What the task asks
Repeat the stretch of entries below from the line with "#220=IFCMATERIAL('Concrete C40/50',$,'concrete');" through the line with "frame((0.0, 0.0, -10.0)))". Include both ends and add nothing.

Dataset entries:
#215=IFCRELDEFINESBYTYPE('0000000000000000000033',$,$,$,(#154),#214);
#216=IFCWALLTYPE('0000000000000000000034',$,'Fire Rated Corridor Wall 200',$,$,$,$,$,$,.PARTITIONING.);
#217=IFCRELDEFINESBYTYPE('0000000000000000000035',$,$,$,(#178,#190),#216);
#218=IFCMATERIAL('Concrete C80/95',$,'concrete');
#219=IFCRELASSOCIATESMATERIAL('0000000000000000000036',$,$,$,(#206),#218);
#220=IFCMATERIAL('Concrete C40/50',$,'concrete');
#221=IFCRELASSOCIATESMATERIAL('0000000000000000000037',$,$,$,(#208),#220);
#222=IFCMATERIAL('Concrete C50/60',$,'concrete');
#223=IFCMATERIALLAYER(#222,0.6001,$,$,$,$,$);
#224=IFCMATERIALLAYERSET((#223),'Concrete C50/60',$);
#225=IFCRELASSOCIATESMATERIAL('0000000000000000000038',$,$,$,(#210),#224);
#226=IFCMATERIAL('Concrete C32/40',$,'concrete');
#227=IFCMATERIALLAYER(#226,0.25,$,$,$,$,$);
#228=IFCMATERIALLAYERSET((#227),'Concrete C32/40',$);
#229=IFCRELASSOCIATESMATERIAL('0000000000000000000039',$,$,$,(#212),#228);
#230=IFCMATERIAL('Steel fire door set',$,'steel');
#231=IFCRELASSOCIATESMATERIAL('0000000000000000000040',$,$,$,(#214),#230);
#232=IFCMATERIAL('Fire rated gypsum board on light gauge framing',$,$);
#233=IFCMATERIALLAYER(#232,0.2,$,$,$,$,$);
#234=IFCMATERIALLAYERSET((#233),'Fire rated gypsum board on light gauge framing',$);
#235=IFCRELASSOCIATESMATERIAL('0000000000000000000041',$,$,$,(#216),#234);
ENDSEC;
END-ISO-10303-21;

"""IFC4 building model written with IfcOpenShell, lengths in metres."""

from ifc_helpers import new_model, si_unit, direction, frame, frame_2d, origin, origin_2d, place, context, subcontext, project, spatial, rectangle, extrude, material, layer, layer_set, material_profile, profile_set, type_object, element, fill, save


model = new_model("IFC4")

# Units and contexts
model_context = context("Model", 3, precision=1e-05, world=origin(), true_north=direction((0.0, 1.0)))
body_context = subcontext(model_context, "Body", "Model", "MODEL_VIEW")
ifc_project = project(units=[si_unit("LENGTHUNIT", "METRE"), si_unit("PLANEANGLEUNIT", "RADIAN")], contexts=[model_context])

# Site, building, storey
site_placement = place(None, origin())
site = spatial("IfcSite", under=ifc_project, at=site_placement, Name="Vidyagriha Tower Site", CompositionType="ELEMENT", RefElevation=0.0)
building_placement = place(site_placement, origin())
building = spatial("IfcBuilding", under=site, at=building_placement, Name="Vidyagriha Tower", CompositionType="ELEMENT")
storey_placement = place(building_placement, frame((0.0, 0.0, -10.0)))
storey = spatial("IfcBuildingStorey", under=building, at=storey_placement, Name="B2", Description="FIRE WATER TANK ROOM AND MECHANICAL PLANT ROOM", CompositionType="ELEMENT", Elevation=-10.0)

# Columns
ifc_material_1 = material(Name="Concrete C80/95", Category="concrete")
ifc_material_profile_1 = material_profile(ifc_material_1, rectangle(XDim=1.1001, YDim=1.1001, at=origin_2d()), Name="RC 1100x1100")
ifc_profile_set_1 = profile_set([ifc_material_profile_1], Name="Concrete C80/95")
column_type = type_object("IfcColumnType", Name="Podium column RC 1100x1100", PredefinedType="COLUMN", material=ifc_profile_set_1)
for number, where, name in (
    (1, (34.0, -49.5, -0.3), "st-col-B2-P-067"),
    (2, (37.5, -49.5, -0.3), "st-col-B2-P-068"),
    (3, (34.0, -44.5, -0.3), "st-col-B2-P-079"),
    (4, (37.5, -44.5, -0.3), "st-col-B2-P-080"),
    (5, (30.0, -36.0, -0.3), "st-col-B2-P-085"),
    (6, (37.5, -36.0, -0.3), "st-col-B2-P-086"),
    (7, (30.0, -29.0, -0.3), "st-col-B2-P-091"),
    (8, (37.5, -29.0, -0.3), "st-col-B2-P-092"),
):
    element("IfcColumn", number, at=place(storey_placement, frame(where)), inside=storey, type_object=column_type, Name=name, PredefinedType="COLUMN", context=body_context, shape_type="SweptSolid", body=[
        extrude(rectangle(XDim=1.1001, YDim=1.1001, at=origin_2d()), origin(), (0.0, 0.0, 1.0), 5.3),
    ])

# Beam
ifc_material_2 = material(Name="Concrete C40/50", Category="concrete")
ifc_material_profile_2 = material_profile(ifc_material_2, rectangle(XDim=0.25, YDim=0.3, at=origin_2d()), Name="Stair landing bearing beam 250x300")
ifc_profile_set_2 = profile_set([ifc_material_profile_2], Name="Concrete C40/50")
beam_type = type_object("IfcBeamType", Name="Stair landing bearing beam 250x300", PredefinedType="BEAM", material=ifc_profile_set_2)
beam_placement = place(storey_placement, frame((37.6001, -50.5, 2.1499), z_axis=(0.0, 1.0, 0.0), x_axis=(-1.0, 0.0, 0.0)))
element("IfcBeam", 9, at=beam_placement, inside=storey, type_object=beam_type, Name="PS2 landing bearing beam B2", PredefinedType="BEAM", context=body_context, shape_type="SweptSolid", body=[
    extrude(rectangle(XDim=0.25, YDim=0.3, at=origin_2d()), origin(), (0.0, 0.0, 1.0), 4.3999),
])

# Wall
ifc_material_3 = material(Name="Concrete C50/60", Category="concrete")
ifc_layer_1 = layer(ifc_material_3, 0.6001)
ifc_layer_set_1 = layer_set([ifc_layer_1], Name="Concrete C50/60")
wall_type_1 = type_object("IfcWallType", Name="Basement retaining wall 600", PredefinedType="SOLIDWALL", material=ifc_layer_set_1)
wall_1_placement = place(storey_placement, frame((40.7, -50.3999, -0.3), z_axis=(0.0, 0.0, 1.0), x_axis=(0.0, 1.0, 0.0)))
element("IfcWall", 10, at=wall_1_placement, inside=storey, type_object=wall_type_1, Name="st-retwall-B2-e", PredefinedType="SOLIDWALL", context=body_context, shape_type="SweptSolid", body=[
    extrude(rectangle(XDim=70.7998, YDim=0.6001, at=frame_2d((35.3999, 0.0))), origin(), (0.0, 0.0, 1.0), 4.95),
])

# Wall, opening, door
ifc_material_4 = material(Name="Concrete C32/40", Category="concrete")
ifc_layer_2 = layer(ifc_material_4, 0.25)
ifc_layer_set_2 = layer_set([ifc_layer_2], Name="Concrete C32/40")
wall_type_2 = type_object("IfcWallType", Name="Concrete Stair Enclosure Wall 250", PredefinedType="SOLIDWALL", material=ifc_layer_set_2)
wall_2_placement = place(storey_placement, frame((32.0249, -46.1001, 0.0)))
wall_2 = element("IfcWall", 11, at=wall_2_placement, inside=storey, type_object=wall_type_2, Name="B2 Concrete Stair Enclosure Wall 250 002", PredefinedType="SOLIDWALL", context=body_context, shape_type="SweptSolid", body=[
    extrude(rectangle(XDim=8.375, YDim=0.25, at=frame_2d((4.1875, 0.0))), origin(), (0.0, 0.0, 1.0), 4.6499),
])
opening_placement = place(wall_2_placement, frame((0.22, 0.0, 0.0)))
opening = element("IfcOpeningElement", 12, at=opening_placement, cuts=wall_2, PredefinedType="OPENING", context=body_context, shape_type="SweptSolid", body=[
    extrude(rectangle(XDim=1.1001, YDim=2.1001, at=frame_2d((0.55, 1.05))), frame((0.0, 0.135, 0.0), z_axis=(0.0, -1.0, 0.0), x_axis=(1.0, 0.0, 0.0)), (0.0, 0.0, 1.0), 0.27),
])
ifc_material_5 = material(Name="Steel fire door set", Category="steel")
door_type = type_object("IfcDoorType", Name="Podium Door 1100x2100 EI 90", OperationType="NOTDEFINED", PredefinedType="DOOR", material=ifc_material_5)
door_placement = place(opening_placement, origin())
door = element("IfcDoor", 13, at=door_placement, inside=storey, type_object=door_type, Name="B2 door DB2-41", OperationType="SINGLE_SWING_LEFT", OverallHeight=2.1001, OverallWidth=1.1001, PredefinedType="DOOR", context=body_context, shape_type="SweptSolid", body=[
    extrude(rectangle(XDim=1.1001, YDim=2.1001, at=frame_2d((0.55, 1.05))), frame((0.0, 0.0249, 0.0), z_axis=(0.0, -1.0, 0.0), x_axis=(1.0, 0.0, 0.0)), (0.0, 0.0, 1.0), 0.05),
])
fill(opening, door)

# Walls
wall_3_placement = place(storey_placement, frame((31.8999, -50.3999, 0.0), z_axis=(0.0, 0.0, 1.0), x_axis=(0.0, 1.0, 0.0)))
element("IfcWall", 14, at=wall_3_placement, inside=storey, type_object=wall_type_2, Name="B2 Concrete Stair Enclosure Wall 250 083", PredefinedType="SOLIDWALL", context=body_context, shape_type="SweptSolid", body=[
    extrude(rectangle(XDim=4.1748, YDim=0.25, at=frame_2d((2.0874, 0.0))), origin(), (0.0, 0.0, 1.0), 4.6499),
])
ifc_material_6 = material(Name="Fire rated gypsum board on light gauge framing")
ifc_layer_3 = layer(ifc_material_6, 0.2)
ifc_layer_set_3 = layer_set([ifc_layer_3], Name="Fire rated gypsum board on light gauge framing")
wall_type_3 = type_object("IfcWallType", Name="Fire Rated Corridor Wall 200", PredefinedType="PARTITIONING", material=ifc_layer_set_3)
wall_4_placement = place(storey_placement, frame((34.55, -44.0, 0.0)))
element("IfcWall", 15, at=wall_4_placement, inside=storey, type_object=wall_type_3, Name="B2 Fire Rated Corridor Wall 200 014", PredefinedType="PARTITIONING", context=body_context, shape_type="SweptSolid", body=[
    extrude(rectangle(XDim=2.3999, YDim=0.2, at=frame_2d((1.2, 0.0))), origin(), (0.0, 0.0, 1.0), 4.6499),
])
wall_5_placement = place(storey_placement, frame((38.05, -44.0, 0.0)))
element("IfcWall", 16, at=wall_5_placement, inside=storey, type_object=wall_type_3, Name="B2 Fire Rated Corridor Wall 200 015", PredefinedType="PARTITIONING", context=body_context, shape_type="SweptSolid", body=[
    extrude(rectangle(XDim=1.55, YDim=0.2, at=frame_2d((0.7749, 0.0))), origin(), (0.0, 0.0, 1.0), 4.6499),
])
==
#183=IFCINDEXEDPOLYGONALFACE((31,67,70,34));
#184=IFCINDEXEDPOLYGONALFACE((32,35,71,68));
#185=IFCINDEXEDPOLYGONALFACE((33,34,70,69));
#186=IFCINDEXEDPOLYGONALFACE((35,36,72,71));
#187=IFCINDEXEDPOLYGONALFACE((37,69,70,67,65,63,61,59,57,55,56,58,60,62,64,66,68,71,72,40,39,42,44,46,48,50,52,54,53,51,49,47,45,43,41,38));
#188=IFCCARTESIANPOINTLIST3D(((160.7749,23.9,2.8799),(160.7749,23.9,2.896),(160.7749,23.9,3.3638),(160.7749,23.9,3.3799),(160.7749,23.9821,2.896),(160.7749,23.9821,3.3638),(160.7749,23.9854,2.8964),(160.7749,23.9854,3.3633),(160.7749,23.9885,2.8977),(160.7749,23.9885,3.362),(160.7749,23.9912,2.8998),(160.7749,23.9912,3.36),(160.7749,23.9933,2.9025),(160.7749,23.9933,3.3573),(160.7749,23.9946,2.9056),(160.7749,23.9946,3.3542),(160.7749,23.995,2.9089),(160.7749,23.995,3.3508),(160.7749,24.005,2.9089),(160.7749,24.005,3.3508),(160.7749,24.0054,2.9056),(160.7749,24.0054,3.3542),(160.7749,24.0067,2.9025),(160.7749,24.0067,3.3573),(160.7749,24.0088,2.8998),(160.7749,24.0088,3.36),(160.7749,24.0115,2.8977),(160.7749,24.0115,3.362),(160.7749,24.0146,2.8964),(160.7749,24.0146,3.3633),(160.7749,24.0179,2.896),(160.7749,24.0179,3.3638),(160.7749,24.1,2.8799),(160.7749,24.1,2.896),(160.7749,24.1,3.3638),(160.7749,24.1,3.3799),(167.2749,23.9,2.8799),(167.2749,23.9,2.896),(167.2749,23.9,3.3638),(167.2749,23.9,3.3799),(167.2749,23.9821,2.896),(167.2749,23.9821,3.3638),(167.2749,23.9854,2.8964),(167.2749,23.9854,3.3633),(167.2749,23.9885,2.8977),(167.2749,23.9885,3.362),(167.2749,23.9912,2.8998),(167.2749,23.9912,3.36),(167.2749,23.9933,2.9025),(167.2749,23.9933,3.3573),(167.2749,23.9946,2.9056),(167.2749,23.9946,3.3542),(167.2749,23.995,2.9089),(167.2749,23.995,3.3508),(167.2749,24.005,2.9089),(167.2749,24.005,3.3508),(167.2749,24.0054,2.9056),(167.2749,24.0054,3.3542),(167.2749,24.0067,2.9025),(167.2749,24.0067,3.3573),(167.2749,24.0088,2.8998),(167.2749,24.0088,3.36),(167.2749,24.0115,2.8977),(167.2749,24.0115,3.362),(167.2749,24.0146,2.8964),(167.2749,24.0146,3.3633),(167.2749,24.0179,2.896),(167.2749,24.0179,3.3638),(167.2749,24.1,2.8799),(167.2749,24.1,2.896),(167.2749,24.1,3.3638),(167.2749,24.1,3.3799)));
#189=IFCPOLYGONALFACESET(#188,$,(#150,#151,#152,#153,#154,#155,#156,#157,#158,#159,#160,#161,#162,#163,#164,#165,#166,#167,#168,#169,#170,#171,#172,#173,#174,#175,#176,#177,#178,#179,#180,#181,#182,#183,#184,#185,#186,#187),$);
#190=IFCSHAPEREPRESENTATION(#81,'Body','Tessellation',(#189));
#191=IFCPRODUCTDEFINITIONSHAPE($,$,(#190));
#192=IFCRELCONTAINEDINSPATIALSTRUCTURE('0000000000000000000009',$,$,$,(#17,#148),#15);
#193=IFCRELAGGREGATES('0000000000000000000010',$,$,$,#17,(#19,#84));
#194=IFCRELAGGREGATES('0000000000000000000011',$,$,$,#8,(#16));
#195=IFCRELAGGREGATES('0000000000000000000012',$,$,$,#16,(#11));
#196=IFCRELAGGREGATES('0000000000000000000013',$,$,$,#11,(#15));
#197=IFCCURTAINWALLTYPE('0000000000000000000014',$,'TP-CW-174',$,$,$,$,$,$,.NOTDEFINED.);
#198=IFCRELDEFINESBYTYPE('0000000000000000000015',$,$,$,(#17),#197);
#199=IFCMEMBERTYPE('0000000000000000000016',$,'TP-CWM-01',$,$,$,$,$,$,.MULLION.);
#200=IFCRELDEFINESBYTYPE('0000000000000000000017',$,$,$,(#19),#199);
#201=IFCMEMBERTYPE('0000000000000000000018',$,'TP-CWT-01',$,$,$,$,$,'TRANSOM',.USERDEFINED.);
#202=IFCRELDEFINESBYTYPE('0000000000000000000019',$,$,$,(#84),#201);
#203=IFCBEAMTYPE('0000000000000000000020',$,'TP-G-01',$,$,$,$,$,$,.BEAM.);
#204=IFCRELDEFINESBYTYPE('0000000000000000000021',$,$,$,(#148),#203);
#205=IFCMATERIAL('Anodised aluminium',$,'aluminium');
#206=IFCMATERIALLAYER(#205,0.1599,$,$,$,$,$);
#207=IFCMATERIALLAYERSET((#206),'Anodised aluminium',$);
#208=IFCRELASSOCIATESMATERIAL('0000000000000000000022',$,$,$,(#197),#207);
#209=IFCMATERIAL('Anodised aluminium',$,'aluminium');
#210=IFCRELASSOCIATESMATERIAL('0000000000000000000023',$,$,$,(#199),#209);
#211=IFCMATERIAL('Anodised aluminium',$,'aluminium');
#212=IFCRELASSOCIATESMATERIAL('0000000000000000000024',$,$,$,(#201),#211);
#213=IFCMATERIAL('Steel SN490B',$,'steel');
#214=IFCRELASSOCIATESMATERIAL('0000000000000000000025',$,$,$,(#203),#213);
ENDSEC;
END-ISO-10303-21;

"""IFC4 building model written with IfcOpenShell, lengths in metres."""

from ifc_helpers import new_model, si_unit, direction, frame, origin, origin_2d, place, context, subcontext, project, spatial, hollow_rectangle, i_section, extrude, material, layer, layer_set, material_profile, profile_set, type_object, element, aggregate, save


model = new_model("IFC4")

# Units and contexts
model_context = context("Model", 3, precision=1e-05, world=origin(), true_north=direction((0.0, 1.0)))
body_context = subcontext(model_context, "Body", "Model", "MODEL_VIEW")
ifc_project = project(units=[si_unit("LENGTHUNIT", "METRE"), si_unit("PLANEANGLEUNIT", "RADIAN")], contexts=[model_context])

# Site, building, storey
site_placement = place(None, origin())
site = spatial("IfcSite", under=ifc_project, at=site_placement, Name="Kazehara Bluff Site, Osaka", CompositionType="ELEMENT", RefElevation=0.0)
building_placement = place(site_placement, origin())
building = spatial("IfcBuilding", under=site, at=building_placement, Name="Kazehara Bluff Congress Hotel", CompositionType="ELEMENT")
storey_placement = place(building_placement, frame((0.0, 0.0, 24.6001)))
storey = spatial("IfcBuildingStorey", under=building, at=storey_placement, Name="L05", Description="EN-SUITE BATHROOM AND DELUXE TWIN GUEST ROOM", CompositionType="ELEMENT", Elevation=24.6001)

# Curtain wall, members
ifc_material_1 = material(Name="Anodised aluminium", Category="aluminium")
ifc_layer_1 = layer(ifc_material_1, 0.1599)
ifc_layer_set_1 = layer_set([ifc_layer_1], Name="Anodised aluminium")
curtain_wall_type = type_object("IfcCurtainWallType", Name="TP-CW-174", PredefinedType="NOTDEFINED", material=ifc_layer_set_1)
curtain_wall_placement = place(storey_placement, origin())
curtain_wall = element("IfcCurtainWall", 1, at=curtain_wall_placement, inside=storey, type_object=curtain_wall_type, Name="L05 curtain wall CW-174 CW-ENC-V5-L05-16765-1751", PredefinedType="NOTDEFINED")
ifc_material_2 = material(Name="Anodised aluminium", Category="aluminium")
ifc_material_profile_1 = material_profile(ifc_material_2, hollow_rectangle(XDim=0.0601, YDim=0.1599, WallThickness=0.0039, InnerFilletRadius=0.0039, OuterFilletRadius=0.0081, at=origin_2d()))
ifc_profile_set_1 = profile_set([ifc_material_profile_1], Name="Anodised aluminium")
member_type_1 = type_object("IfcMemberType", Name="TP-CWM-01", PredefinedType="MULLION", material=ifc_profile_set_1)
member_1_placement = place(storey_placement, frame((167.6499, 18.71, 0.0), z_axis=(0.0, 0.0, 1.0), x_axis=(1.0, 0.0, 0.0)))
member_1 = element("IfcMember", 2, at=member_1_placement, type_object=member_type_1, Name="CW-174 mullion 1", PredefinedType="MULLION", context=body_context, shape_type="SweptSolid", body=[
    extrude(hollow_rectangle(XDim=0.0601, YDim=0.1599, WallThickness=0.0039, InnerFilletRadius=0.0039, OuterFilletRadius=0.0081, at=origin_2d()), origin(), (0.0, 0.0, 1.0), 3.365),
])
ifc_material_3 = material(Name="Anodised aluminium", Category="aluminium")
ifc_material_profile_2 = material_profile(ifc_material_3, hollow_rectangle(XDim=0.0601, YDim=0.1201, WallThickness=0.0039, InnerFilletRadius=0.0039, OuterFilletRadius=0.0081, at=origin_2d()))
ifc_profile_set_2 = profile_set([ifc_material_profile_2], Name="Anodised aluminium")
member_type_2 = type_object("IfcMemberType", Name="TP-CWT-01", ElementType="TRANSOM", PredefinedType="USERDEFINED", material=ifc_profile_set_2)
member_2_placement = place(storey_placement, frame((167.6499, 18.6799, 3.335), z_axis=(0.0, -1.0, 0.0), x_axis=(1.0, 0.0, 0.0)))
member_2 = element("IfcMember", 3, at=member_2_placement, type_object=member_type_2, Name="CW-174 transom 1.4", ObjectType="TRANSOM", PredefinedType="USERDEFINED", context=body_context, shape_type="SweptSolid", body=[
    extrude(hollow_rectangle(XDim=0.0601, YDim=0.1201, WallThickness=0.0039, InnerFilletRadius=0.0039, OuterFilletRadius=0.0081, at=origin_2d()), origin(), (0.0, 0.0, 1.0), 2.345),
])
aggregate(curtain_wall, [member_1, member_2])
...
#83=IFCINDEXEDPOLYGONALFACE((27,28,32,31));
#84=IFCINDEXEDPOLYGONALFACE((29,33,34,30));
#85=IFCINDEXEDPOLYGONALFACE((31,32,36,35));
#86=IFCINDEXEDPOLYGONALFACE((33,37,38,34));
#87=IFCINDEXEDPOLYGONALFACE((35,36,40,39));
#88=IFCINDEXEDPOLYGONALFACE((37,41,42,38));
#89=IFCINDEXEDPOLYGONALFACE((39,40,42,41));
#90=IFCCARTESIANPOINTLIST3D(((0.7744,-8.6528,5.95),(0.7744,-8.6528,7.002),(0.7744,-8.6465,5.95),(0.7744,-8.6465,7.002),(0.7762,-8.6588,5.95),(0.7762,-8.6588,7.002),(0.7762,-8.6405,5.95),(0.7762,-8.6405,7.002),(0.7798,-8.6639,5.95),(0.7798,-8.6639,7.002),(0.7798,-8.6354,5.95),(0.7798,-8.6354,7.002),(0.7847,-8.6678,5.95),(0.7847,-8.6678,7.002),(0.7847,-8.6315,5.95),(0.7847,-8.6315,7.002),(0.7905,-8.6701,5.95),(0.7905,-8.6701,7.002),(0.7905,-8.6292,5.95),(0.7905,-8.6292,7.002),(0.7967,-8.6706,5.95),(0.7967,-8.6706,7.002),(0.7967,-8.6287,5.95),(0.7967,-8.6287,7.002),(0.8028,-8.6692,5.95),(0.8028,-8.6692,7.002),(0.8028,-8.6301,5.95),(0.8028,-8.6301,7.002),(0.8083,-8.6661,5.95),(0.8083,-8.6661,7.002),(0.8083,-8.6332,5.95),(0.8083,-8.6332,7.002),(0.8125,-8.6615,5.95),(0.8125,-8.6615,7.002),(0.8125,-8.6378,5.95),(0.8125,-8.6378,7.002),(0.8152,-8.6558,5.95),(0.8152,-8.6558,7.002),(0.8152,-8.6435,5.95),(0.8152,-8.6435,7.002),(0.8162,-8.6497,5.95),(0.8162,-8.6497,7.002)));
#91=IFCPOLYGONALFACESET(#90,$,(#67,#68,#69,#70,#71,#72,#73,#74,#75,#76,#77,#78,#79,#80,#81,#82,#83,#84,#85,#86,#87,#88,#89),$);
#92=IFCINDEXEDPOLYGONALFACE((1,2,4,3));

Task output
#220=IFCMATERIAL('Concrete C40/50',$,'concrete');
#221=IFCRELASSOCIATESMATERIAL('0000000000000000000037',$,$,$,(#208),#220);
#222=IFCMATERIAL('Concrete C50/60',$,'concrete');
#223=IFCMATERIALLAYER(#222,0.6001,$,$,$,$,$);
#224=IFCMATERIALLAYERSET((#223),'Concrete C50/60',$);
#225=IFCRELASSOCIATESMATERIAL('0000000000000000000038',$,$,$,(#210),#224);
#226=IFCMATERIAL('Concrete C32/40',$,'concrete');
#227=IFCMATERIALLAYER(#226,0.25,$,$,$,$,$);
#228=IFCMATERIALLAYERSET((#227),'Concrete C32/40',$);
#229=IFCRELASSOCIATESMATERIAL('0000000000000000000039',$,$,$,(#212),#228);
#230=IFCMATERIAL('Steel fire door set',$,'steel');
#231=IFCRELASSOCIATESMATERIAL('0000000000000000000040',$,$,$,(#214),#230);
#232=IFCMATERIAL('Fire rated gypsum board on light gauge framing',$,$);
#233=IFCMATERIALLAYER(#232,0.2,$,$,$,$,$);
#234=IFCMATERIALLAYERSET((#233),'Fire rated gypsum board on light gauge framing',$);
#235=IFCRELASSOCIATESMATERIAL('0000000000000000000041',$,$,$,(#216),#234);
ENDSEC;
END-ISO-10303-21;

"""IFC4 building model written with IfcOpenShell, lengths in metres."""

from ifc_helpers import new_model, si_unit, direction, frame, frame_2d, origin, origin_2d, place, context, subcontext, project, spatial, rectangle, extrude, material, layer, layer_set, material_profile, profile_set, type_object, element, fill, save


model = new_model("IFC4")

# Units and contexts
model_context = context("Model", 3, precision=1e-05, world=origin(), true_north=direction((0.0, 1.0)))
body_context = subcontext(model_context, "Body", "Model", "MODEL_VIEW")
ifc_project = project(units=[si_unit("LENGTHUNIT", "METRE"), si_unit("PLANEANGLEUNIT", "RADIAN")], contexts=[model_context])

# Site, building, storey
site_placement = place(None, origin())
site = spatial("IfcSite", under=ifc_project, at=site_placement, Name="Vidyagriha Tower Site", CompositionType="ELEMENT", RefElevation=0.0)
building_placement = place(site_placement, origin())
building = spatial("IfcBuilding", under=site, at=building_placement, Name="Vidyagriha Tower", CompositionType="ELEMENT")
storey_placement = place(building_placement, frame((0.0, 0.0, -10.0)))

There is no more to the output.